Out of the data below, copy every line with the string "IFCRELAGGREGATES".

### Task input:

________

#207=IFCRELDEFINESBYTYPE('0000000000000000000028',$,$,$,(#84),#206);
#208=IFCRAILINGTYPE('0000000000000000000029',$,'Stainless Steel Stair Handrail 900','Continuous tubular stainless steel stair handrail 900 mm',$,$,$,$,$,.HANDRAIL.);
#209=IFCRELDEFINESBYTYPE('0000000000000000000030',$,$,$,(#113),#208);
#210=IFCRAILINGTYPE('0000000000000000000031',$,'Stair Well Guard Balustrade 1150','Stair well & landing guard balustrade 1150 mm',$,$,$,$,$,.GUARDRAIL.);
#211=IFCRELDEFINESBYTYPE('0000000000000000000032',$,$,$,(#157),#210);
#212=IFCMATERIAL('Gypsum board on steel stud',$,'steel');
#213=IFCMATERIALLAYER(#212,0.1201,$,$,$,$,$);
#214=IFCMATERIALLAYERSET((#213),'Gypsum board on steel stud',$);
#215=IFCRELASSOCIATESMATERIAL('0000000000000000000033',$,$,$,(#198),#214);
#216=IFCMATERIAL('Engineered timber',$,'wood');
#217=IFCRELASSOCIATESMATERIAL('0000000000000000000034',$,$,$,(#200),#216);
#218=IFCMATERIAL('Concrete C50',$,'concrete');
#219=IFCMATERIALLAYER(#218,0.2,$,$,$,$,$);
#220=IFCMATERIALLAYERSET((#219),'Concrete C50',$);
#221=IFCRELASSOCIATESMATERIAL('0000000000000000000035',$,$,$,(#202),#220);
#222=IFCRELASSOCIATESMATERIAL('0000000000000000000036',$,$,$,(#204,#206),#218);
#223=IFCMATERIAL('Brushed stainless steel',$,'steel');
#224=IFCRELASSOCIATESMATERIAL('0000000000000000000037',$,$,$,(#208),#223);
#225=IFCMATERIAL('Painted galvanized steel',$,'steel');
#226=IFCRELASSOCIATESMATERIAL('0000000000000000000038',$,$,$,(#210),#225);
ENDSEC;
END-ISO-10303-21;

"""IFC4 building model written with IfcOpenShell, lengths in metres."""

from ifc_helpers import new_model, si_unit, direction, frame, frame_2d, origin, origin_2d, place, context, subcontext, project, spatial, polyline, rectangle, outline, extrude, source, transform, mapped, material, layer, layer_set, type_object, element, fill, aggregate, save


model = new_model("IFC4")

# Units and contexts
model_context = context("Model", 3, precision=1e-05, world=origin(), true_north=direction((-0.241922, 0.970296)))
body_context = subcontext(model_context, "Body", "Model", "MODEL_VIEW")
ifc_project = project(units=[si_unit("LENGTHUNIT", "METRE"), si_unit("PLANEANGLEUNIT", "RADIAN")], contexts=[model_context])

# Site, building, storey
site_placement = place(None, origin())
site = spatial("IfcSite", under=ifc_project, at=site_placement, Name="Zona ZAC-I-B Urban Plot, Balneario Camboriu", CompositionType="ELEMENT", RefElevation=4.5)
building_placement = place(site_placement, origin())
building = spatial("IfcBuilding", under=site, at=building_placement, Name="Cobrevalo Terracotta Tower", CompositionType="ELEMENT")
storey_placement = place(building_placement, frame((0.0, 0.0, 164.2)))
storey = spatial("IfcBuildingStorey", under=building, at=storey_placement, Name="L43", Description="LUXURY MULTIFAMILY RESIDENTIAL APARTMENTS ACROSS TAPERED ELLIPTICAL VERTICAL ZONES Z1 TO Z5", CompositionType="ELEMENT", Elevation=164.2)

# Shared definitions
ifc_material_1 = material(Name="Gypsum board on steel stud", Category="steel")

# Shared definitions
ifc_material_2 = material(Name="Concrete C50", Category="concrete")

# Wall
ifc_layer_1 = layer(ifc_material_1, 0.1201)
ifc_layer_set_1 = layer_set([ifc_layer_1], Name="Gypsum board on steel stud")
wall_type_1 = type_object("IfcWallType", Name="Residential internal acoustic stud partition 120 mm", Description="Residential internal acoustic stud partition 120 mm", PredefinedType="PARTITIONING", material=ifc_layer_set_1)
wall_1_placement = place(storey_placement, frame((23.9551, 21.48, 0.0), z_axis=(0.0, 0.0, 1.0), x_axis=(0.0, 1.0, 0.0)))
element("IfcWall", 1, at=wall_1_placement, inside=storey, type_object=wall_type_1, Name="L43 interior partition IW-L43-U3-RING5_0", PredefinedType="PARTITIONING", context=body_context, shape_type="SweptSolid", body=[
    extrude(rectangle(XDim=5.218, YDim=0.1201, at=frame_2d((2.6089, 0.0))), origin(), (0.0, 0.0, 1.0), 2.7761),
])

________

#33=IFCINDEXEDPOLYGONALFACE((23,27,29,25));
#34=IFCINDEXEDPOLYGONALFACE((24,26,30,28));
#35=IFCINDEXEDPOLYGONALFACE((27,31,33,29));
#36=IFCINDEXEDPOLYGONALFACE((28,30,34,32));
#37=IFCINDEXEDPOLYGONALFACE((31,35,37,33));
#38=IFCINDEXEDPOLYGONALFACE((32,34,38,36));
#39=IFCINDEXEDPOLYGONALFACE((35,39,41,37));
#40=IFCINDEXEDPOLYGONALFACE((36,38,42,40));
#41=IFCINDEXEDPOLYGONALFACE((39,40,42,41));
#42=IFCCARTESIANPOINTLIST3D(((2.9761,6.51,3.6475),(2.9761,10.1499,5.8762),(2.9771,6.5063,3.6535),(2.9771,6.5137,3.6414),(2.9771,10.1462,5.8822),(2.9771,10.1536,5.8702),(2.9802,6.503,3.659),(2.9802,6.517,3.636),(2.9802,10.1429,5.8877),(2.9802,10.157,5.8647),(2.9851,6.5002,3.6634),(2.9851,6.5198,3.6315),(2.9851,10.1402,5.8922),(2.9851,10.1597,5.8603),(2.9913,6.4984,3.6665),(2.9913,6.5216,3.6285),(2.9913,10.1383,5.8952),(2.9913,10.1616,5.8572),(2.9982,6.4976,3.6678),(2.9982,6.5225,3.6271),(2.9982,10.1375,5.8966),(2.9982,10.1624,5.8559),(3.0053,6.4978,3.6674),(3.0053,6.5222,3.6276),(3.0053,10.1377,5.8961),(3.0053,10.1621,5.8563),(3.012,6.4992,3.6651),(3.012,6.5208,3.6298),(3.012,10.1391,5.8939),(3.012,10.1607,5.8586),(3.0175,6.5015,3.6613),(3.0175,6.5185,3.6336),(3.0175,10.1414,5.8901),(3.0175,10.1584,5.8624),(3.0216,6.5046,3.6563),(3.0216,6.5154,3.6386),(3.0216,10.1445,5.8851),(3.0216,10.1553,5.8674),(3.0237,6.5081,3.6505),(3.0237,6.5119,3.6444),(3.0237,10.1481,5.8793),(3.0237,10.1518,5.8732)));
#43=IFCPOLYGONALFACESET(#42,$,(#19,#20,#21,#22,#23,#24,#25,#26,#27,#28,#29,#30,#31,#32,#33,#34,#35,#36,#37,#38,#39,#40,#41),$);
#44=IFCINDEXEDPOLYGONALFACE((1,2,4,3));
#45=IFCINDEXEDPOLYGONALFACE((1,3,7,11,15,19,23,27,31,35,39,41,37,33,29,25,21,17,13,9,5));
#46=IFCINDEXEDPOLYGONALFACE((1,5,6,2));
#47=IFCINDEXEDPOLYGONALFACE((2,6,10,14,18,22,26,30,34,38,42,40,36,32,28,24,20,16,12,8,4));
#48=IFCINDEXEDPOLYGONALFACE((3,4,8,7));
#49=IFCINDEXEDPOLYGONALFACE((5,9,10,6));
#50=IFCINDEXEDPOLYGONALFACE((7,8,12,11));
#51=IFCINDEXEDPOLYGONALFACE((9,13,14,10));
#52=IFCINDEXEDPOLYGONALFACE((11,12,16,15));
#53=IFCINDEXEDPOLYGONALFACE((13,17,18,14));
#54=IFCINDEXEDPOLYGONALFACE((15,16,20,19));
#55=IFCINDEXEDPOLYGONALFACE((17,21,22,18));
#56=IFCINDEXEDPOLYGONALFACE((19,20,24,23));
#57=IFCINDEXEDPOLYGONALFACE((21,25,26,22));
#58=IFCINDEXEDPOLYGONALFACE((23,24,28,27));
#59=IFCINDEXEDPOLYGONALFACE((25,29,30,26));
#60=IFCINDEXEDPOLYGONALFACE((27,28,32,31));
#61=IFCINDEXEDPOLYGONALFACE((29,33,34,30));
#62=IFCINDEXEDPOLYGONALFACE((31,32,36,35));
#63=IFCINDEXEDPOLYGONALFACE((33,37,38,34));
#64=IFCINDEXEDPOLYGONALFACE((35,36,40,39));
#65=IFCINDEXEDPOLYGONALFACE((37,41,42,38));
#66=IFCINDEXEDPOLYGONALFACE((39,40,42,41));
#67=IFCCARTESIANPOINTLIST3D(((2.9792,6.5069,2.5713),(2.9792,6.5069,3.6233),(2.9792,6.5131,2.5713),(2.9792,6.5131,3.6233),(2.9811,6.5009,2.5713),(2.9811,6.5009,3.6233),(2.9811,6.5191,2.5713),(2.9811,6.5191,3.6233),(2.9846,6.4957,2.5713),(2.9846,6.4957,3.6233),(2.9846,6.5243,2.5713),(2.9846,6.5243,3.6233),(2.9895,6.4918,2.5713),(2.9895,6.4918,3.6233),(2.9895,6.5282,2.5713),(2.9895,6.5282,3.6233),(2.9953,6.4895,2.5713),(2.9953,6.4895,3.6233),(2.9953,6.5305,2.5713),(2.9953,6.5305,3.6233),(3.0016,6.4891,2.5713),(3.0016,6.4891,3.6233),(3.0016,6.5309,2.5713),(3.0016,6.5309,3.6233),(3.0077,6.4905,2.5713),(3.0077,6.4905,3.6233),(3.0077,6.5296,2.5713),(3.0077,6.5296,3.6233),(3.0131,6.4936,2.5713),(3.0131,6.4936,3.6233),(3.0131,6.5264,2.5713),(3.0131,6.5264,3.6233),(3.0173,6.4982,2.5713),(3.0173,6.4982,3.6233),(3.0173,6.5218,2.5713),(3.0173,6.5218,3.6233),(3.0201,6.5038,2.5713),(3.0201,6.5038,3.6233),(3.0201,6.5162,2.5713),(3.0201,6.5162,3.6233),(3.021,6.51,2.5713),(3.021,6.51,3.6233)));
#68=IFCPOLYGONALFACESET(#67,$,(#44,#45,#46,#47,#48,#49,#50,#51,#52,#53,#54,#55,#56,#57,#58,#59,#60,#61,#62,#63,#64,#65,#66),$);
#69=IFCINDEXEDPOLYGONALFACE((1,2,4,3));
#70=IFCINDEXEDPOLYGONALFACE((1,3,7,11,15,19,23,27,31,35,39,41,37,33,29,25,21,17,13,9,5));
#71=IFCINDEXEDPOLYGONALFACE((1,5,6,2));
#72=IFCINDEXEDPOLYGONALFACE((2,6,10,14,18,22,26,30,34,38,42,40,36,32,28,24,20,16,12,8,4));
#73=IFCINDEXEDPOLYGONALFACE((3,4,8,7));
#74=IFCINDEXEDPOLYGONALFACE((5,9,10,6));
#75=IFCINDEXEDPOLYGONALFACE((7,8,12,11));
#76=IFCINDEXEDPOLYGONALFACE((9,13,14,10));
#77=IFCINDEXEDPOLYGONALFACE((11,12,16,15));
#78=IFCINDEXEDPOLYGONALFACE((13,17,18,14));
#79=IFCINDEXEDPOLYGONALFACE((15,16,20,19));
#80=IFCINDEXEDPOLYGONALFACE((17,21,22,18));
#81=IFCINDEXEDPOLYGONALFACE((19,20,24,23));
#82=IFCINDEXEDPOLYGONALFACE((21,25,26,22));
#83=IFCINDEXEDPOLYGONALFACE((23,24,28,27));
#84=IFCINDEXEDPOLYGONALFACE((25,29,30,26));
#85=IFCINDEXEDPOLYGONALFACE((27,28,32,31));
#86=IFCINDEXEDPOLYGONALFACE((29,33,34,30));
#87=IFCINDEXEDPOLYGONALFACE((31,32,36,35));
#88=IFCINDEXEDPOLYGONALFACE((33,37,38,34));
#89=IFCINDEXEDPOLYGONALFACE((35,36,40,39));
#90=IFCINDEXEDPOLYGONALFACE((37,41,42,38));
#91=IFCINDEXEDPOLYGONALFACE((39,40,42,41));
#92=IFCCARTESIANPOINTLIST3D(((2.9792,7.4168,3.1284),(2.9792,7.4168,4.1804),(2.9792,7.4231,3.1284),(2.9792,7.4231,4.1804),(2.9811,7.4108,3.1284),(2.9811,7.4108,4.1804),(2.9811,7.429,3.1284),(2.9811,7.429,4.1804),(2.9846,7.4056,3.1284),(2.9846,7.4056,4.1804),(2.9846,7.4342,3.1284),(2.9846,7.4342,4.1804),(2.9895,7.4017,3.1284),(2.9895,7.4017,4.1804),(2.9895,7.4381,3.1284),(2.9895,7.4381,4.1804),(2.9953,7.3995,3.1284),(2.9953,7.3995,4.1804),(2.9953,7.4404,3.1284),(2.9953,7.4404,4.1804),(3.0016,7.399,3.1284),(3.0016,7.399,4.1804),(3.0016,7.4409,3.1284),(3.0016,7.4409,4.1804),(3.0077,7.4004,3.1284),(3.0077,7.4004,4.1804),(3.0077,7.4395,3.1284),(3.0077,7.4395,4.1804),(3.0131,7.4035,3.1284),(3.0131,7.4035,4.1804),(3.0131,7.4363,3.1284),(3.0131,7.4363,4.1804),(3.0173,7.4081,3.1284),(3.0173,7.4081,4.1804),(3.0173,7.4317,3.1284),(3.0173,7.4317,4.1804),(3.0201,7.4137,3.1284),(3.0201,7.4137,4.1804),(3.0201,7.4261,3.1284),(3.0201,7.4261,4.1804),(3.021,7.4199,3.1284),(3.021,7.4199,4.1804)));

________

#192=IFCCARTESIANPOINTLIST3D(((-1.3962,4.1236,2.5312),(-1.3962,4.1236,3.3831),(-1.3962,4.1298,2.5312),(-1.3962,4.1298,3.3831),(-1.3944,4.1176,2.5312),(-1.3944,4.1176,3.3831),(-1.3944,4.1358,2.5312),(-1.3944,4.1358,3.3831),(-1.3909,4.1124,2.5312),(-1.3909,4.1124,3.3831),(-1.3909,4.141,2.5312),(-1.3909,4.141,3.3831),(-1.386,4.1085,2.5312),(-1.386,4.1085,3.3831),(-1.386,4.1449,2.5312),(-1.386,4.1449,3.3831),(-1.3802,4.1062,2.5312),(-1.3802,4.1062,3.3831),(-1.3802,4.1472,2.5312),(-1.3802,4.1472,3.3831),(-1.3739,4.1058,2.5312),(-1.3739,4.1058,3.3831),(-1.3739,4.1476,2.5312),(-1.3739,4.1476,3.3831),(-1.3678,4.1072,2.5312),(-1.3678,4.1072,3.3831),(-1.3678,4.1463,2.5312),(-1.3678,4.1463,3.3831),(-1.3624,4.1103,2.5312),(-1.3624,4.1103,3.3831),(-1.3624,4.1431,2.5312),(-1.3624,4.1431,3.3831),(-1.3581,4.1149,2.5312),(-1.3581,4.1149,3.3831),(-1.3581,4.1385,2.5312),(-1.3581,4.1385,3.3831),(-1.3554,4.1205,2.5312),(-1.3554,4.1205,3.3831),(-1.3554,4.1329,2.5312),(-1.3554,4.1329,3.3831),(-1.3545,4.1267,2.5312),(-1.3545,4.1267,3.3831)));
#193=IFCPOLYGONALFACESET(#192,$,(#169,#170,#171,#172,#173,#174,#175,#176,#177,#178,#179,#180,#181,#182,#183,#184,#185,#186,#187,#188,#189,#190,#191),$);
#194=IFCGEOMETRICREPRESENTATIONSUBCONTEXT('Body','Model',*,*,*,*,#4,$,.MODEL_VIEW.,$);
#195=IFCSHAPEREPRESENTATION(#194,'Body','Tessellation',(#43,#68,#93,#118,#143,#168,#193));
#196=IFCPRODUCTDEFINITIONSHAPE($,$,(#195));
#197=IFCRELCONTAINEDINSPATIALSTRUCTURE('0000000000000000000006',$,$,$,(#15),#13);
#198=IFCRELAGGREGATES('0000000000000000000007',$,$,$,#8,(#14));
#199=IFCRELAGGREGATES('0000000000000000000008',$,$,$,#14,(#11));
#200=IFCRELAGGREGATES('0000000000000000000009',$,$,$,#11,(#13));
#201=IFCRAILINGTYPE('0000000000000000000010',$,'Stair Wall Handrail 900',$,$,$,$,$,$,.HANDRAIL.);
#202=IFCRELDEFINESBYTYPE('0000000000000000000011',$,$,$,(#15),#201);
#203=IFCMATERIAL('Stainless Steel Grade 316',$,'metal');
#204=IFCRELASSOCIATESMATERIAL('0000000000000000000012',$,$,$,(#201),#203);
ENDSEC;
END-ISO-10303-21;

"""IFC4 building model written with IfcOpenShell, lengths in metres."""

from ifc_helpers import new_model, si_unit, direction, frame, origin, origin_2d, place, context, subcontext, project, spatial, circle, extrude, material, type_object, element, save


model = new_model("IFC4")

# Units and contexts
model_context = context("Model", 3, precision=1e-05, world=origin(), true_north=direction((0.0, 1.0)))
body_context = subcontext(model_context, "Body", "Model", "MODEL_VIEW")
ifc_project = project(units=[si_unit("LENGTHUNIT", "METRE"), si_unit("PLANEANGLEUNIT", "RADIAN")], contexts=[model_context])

________

### Task output:
#198=IFCRELAGGREGATES('0000000000000000000007',$,$,$,#8,(#14));
#199=IFCRELAGGREGATES('0000000000000000000008',$,$,$,#14,(#11));
#200=IFCRELAGGREGATES('0000000000000000000009',$,$,$,#11,(#13));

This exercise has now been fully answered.